Take the entries below and print only the lines from the one with "#154=IFCRELAGGREGATES('0000000000000000000009',$,$,$,#16,(#11));" through the one with "END-ISO-10303-21;", exactly as they stand, both ends included.

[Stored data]
******

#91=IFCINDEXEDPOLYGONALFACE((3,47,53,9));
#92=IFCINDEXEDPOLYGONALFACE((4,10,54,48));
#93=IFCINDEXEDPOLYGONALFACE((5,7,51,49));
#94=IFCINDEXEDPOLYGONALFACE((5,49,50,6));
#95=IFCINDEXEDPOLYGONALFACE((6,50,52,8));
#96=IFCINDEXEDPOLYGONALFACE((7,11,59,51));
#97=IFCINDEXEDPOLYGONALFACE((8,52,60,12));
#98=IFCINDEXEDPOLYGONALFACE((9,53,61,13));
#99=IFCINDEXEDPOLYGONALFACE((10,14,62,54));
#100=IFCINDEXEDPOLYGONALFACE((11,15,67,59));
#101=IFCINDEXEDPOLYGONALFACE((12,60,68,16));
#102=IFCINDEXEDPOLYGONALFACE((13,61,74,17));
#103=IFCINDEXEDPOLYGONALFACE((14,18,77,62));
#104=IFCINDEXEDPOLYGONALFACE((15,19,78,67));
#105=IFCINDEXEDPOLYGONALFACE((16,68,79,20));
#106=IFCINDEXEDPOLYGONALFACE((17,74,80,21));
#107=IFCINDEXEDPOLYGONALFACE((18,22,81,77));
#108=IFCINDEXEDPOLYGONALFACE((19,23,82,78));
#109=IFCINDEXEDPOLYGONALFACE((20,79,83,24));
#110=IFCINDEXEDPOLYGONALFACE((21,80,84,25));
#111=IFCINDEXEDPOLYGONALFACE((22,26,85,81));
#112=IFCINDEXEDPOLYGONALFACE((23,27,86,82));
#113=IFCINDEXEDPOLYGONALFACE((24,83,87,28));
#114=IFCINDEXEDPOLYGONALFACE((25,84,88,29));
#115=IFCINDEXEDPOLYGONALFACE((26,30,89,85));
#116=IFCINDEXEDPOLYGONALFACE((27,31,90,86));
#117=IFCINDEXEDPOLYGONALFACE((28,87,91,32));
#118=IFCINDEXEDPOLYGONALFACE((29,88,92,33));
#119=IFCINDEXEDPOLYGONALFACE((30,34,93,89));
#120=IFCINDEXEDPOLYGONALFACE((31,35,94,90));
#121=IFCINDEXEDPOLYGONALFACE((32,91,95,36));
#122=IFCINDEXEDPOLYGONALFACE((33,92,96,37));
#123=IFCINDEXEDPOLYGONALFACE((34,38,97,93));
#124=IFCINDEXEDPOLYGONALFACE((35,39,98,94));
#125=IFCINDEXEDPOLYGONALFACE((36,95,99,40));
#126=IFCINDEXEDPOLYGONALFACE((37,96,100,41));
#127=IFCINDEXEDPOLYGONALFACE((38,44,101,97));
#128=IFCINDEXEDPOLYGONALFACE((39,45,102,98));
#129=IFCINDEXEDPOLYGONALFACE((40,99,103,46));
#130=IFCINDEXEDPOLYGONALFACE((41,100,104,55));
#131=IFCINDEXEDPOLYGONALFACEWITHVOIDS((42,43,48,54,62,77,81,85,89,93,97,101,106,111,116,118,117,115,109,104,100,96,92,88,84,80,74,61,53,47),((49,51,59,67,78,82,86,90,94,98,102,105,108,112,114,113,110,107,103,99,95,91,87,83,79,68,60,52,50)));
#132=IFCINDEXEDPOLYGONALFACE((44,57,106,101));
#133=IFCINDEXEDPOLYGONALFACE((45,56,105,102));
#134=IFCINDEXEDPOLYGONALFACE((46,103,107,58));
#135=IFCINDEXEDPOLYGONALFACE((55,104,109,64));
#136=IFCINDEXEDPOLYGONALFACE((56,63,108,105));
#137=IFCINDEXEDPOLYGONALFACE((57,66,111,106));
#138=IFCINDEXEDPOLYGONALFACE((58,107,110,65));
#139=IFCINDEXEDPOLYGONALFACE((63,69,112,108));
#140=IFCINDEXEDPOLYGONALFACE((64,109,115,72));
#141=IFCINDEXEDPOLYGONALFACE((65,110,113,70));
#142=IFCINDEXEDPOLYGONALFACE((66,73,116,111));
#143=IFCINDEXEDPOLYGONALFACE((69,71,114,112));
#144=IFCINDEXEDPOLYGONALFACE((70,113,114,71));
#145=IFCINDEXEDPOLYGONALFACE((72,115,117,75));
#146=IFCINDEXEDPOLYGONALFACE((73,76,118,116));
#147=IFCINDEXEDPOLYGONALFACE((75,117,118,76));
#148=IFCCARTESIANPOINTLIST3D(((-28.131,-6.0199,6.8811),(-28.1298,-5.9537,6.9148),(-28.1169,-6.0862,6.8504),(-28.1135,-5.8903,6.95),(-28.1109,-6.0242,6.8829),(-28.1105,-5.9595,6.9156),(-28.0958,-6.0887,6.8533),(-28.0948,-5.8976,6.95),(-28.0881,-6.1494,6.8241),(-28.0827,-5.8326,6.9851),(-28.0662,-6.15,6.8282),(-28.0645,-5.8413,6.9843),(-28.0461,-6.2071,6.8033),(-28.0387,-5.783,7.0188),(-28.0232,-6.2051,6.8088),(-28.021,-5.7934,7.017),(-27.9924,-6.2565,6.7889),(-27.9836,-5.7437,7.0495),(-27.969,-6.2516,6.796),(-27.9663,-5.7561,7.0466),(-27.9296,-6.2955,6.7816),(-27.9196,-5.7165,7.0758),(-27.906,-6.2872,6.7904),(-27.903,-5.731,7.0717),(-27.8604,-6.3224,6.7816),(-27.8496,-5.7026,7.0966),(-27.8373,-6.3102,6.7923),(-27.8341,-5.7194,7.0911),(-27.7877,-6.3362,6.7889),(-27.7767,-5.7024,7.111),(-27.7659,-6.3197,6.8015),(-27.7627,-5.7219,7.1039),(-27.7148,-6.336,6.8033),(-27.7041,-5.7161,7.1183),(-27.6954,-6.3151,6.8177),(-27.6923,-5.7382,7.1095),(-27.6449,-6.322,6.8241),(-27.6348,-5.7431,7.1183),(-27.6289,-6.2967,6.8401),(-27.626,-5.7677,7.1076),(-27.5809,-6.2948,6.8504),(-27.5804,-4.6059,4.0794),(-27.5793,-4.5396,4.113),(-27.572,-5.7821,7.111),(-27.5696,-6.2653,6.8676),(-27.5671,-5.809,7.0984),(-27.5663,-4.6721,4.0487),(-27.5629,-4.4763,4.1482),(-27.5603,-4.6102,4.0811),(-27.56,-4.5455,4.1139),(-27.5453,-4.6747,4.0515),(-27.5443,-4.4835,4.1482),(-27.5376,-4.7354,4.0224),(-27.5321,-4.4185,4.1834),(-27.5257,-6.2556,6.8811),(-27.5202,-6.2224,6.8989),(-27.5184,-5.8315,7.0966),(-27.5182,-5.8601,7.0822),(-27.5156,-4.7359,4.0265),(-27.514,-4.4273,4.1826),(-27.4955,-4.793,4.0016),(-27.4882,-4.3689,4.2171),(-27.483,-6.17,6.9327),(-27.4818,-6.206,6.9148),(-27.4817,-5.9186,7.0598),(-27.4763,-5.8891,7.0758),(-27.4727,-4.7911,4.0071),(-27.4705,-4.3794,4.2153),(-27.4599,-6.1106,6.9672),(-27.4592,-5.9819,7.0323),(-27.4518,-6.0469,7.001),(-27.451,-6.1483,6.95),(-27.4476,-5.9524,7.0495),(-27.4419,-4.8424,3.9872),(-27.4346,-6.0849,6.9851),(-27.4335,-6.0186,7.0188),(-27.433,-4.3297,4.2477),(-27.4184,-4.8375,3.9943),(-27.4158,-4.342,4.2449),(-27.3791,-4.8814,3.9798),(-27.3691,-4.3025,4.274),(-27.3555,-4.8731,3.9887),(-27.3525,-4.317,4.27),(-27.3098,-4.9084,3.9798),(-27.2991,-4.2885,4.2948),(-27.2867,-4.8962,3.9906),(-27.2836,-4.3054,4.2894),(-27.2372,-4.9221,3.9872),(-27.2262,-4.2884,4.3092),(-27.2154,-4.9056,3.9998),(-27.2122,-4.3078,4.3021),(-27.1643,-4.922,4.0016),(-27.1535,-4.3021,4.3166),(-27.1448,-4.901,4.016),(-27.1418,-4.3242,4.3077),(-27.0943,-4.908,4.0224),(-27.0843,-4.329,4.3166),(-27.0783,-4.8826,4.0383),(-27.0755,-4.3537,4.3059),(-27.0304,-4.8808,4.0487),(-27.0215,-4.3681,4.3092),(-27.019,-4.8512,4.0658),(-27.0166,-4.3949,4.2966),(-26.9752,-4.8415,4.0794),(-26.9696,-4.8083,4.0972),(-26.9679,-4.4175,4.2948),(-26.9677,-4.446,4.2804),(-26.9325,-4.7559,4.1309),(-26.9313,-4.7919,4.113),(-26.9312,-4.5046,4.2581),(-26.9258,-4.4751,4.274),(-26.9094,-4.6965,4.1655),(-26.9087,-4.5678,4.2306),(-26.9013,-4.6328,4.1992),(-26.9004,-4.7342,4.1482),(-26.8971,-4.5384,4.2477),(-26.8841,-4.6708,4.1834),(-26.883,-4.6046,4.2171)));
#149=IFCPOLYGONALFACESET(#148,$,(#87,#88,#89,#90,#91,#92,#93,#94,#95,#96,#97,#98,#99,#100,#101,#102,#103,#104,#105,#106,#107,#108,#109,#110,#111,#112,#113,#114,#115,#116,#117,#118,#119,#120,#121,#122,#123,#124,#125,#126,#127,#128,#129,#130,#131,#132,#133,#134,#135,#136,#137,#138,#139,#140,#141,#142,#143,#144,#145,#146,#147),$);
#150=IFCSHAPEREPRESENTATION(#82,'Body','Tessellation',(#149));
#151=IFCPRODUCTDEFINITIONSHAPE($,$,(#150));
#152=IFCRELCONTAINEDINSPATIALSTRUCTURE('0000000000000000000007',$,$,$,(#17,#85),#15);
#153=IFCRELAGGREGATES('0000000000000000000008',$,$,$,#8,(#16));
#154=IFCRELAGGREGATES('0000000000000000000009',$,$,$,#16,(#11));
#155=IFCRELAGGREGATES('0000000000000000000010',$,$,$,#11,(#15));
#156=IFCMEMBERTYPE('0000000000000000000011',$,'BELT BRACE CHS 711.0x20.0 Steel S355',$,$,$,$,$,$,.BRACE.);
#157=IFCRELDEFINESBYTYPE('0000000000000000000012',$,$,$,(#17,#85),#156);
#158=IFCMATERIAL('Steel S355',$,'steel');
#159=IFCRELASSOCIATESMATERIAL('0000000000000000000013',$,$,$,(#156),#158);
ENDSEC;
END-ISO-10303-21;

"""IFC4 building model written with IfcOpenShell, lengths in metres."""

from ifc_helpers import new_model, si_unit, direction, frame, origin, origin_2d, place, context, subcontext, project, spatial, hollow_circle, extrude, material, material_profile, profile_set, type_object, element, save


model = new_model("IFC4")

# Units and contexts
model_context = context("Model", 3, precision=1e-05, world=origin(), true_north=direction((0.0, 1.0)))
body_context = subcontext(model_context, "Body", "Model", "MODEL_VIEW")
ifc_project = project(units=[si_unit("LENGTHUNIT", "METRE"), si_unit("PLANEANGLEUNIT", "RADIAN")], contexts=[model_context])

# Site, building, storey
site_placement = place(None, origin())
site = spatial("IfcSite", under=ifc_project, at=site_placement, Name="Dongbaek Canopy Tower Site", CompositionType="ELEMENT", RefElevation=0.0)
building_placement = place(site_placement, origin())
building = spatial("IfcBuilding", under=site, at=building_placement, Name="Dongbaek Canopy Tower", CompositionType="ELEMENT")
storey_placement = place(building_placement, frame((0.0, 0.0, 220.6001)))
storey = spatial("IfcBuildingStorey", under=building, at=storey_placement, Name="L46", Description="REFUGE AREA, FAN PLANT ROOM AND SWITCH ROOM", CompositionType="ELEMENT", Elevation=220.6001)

******

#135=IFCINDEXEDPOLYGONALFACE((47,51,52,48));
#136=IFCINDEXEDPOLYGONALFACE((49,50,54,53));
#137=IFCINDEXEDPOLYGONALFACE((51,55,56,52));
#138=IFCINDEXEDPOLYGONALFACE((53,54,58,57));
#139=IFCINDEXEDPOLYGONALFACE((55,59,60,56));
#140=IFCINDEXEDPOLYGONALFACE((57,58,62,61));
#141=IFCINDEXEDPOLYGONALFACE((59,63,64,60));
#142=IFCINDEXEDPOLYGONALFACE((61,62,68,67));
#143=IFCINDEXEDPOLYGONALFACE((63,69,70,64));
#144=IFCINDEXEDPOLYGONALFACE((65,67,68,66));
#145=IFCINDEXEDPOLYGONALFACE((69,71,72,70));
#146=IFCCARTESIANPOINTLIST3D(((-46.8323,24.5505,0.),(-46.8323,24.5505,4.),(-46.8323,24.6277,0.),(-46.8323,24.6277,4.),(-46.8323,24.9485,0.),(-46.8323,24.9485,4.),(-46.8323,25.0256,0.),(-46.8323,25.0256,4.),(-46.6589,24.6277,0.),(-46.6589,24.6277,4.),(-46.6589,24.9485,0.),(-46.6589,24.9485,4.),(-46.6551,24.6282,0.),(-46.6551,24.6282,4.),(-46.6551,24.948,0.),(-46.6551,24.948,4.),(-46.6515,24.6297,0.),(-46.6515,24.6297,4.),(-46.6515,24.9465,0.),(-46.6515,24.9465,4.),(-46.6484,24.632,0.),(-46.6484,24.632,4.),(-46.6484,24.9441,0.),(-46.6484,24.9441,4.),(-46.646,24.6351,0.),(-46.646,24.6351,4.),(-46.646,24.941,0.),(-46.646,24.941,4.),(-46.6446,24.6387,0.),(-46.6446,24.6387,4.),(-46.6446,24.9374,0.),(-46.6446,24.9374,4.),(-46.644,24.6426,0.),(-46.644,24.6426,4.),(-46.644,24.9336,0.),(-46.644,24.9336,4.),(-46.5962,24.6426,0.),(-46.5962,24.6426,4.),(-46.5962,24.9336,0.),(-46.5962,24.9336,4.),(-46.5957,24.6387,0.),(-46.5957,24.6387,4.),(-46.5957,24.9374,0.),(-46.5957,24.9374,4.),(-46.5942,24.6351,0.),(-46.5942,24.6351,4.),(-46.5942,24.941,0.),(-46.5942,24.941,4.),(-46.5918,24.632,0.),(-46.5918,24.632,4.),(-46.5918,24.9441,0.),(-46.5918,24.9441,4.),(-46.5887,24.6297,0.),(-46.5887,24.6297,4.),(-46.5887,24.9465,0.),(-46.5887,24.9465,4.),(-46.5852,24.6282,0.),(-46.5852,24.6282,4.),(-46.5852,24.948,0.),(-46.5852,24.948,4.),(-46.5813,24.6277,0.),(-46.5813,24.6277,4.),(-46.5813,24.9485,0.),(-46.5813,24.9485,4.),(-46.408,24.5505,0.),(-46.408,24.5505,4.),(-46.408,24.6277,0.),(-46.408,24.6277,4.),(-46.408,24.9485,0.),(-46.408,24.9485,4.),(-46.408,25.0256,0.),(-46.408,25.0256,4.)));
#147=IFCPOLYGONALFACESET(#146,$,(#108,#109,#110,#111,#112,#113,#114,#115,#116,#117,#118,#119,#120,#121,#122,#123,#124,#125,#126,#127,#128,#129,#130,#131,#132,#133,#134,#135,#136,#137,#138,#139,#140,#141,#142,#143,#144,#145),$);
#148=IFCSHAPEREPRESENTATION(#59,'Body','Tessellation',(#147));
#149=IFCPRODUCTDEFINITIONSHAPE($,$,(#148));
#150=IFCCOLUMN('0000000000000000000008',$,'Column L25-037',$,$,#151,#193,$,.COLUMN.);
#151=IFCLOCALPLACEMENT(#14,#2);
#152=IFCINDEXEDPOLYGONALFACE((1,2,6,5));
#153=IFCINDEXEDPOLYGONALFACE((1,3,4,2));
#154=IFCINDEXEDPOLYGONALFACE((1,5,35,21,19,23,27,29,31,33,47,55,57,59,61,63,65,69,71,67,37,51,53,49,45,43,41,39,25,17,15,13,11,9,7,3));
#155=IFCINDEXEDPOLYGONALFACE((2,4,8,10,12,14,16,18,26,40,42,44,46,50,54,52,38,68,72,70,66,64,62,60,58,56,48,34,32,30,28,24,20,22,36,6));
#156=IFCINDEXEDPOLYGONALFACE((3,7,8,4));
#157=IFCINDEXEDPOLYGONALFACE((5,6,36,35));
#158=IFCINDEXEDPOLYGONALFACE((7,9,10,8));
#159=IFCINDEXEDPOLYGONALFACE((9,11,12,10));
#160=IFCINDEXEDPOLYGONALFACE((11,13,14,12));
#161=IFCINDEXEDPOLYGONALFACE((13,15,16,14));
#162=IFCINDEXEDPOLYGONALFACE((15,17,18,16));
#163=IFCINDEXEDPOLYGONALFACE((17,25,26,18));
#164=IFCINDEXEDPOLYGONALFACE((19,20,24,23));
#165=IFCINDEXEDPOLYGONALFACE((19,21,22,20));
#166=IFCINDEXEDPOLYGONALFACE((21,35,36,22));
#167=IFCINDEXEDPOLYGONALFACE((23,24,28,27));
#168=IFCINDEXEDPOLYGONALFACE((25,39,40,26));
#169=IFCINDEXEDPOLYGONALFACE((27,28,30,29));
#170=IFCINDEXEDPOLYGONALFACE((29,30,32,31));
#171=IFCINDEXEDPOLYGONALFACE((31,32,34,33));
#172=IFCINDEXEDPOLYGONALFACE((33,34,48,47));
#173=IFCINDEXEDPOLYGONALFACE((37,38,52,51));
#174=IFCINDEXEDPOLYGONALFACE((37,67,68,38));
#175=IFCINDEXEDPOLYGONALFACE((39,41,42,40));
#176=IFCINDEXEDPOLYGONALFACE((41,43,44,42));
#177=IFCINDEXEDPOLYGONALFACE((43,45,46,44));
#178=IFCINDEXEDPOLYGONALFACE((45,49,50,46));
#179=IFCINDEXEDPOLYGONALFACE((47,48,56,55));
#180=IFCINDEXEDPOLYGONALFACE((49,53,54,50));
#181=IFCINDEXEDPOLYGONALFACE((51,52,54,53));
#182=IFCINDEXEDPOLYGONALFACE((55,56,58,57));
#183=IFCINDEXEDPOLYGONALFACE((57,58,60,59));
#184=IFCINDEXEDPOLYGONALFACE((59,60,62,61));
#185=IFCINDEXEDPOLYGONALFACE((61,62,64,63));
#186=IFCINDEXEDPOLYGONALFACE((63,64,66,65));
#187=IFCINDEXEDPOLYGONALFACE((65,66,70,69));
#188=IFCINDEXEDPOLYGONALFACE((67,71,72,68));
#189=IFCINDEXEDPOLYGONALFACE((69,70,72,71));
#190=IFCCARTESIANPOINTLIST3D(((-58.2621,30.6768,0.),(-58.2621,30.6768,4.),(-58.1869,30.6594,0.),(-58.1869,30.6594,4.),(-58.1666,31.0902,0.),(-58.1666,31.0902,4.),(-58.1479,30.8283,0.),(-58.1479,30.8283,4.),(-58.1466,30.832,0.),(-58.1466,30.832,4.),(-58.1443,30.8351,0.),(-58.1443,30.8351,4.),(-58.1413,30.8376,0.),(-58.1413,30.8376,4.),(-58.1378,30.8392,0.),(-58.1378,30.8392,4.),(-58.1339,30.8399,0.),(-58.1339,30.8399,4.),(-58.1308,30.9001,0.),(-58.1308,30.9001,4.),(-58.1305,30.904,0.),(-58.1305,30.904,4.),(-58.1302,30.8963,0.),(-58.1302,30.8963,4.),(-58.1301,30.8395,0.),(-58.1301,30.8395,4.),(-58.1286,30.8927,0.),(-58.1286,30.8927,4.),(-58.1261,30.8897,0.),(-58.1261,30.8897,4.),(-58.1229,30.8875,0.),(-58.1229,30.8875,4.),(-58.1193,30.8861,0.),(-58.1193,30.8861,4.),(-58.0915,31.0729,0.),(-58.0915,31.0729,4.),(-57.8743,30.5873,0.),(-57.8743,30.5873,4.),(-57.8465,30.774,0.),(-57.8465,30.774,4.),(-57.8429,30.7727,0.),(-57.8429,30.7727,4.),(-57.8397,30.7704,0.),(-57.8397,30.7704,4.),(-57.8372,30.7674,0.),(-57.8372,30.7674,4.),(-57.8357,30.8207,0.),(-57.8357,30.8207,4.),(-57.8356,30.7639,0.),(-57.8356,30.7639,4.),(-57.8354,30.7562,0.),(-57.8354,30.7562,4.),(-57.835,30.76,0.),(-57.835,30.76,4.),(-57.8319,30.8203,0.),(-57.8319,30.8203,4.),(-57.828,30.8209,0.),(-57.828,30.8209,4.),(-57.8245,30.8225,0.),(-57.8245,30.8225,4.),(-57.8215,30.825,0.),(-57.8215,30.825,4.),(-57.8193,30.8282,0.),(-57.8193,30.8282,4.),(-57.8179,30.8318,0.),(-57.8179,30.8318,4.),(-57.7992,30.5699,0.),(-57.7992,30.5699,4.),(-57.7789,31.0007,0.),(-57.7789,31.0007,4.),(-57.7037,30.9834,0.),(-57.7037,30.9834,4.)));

******

* _Solution for this exercise_
#154=IFCRELAGGREGATES('0000000000000000000009',$,$,$,#16,(#11));
#155=IFCRELAGGREGATES('0000000000000000000010',$,$,$,#11,(#15));
#156=IFCMEMBERTYPE('0000000000000000000011',$,'BELT BRACE CHS 711.0x20.0 Steel S355',$,$,$,$,$,$,.BRACE.);
#157=IFCRELDEFINESBYTYPE('0000000000000000000012',$,$,$,(#17,#85),#156);
#158=IFCMATERIAL('Steel S355',$,'steel');
#159=IFCRELASSOCIATESMATERIAL('0000000000000000000013',$,$,$,(#156),#158);
ENDSEC;
END-ISO-10303-21;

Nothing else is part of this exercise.